Each line of the listing where the string "IfcBuildingStorey" appears is to be identified and copied.

===== Data records

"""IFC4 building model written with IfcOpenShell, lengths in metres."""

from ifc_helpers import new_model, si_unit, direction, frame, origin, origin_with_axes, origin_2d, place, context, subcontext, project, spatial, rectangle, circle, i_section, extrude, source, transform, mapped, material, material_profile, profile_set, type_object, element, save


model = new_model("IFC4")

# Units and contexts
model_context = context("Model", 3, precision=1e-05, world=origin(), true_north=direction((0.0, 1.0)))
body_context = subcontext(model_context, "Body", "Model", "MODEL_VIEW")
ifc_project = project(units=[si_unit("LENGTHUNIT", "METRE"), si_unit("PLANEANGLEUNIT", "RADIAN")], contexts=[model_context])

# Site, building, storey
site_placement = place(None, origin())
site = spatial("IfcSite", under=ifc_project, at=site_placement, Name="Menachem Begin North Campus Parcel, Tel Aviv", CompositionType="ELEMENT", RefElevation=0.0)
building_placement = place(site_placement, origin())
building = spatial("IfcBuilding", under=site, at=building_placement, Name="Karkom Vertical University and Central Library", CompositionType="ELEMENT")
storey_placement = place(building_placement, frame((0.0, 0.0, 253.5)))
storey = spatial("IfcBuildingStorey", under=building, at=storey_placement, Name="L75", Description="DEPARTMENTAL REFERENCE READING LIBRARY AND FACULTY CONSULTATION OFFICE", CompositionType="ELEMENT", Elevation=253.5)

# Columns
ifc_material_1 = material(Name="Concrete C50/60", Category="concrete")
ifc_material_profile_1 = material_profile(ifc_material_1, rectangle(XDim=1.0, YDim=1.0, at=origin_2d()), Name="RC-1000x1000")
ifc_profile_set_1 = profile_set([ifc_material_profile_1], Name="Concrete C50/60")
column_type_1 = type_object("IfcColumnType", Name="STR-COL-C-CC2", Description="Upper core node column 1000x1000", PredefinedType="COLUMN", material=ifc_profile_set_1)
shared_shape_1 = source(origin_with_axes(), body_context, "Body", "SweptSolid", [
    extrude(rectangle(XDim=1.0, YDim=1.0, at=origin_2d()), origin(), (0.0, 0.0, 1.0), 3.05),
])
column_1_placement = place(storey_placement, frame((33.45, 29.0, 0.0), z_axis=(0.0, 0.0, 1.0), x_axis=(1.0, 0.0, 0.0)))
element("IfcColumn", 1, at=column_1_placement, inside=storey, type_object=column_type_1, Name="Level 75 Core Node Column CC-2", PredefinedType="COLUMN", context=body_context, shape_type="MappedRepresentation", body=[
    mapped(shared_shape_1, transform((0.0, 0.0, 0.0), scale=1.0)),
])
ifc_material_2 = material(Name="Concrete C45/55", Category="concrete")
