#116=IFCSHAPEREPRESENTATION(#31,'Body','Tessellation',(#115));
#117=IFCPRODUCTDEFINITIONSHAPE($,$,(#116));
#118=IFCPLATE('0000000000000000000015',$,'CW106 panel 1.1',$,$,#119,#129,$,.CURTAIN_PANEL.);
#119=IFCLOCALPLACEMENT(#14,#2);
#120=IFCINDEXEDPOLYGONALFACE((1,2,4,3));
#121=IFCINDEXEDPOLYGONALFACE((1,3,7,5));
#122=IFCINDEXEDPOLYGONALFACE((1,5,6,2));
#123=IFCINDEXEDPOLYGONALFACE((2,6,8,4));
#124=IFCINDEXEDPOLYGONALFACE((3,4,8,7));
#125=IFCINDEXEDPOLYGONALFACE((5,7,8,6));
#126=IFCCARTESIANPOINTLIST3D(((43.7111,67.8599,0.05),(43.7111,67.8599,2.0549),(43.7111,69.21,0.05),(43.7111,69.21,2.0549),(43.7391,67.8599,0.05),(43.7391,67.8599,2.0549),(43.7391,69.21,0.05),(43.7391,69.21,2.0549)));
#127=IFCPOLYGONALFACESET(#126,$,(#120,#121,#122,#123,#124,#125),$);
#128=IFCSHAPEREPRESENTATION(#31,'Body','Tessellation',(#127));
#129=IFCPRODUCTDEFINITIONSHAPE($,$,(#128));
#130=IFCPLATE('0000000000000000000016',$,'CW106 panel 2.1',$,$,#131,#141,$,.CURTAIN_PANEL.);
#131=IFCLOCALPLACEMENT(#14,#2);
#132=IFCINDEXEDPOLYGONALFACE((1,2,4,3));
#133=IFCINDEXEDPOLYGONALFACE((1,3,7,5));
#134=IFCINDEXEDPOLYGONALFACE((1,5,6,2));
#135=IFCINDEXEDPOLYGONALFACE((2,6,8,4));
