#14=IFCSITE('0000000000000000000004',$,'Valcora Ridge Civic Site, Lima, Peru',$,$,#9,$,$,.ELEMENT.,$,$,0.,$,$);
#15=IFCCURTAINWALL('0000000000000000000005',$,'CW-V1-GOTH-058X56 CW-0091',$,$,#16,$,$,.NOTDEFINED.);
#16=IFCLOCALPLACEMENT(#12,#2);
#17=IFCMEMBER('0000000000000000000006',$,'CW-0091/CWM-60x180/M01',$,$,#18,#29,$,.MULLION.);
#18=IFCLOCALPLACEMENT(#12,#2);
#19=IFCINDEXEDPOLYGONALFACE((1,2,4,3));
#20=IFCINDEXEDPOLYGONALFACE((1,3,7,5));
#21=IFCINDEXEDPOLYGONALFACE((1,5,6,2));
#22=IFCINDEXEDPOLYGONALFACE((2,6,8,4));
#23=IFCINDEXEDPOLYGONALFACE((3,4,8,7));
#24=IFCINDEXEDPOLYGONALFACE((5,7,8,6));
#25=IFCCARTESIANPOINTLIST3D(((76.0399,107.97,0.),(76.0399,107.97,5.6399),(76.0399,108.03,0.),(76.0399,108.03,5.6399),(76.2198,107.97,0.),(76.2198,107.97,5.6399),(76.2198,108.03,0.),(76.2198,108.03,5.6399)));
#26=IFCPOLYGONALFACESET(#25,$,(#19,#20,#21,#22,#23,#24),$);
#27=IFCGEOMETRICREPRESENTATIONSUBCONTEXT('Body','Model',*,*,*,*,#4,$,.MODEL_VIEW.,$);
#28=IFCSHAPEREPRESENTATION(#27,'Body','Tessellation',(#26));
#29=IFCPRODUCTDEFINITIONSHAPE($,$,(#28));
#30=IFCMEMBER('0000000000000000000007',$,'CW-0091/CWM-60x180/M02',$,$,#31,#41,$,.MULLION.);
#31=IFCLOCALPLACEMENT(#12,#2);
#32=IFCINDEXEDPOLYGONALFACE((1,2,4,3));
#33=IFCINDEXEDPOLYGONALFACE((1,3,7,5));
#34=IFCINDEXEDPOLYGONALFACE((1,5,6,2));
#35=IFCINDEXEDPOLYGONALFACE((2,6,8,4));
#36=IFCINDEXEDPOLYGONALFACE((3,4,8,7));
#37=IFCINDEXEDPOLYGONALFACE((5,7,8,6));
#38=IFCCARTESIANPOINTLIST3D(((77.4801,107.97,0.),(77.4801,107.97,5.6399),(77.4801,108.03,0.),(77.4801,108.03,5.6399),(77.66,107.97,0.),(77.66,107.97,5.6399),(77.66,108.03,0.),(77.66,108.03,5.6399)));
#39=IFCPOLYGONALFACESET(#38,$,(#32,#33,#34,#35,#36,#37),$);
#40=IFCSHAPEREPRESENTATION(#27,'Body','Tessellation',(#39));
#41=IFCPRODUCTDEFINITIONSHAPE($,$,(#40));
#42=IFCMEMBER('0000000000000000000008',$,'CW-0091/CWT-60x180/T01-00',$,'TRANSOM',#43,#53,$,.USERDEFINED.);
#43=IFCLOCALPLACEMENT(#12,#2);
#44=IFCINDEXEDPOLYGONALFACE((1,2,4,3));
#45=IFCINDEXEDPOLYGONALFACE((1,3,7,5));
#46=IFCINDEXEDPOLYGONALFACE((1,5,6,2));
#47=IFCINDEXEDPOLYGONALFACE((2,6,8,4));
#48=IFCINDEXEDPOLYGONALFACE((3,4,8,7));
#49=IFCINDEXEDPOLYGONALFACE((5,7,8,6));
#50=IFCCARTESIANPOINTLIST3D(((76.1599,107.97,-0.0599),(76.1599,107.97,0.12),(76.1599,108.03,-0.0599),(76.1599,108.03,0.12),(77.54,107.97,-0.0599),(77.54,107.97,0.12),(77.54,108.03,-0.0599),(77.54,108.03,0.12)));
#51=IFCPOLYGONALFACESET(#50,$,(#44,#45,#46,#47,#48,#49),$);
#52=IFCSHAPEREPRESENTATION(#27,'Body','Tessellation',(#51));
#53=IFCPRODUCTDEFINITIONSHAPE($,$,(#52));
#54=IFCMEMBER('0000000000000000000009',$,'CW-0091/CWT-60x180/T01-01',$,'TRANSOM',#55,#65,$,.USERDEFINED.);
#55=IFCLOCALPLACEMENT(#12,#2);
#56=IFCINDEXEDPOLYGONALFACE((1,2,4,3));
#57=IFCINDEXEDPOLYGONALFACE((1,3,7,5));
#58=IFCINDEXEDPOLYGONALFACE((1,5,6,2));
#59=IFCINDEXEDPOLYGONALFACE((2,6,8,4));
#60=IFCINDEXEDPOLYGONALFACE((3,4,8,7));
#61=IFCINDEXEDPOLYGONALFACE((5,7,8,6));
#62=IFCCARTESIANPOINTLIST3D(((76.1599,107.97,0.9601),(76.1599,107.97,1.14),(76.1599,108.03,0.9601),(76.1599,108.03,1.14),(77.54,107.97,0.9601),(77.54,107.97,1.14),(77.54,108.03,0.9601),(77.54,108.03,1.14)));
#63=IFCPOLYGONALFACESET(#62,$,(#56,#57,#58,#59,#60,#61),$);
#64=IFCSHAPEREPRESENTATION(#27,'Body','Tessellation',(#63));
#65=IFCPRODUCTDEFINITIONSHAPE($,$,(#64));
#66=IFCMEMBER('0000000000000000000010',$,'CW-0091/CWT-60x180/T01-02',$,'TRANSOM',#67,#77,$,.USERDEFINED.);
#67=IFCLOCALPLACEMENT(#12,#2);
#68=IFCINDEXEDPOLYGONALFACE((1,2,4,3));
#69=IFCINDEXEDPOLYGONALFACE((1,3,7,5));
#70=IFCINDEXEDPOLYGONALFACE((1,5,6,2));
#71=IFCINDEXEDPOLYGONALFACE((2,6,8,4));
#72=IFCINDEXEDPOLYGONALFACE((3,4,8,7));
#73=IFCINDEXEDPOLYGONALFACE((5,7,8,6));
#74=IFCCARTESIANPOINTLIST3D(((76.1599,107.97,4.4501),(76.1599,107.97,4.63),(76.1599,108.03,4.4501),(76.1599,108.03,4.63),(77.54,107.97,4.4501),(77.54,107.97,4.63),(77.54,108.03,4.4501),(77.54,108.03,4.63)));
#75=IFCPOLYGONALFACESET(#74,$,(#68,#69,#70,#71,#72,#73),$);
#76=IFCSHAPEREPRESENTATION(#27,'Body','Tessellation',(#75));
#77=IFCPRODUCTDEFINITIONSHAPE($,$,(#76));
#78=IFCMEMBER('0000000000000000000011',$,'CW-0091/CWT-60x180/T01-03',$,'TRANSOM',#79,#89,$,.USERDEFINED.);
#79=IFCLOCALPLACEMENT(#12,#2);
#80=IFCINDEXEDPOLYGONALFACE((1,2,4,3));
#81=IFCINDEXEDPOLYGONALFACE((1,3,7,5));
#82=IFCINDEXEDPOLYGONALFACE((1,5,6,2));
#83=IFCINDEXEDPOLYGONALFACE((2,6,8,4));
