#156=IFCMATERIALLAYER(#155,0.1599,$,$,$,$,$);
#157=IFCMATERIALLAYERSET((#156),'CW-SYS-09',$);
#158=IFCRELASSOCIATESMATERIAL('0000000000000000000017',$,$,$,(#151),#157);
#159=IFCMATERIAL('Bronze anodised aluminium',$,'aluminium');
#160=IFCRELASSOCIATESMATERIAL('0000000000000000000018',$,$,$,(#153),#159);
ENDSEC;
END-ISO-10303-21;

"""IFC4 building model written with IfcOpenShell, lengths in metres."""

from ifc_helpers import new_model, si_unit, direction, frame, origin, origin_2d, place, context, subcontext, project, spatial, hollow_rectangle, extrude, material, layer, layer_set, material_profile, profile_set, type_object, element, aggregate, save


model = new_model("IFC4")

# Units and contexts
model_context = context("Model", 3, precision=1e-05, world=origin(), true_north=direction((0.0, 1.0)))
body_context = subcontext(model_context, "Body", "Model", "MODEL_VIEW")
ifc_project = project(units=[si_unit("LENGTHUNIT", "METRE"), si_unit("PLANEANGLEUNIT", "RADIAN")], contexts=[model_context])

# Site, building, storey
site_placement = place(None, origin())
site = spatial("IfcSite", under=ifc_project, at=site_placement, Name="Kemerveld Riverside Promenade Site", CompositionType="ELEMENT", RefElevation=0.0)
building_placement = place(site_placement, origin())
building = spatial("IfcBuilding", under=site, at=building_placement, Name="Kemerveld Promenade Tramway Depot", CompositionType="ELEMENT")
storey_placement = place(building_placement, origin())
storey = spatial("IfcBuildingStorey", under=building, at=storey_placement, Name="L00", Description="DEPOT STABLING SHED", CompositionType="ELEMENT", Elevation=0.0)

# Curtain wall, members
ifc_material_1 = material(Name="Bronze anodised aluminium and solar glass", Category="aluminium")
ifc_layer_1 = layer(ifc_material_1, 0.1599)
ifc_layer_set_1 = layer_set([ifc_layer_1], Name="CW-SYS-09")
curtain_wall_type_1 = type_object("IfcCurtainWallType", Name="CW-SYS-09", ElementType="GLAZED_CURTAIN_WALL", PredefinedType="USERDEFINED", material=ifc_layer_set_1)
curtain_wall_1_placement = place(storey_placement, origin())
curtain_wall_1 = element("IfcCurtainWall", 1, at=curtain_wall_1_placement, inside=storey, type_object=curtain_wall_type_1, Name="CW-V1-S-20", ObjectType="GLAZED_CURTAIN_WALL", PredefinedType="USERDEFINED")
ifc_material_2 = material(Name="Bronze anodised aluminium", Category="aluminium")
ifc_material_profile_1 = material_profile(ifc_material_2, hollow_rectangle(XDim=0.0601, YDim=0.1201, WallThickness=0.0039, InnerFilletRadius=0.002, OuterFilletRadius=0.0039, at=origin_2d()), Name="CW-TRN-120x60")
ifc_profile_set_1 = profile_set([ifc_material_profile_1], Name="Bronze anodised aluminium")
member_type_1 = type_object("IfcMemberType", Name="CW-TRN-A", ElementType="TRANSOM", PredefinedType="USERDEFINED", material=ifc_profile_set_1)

==========

Exercise answer –
storey = spatial("IfcBuildingStorey", under=building, at=storey_placement, Name="L75", Description="DEPARTMENTAL REFERENCE READING LIBRARY AND FACULTY CONSULTATION OFFICE", CompositionType="ELEMENT", Elevation=253.5)
storey = spatial("IfcBuildingStorey", under=building, at=storey_placement, Name="L00", Description="DEPOT STABLING SHED", CompositionType="ELEMENT", Elevation=0.0)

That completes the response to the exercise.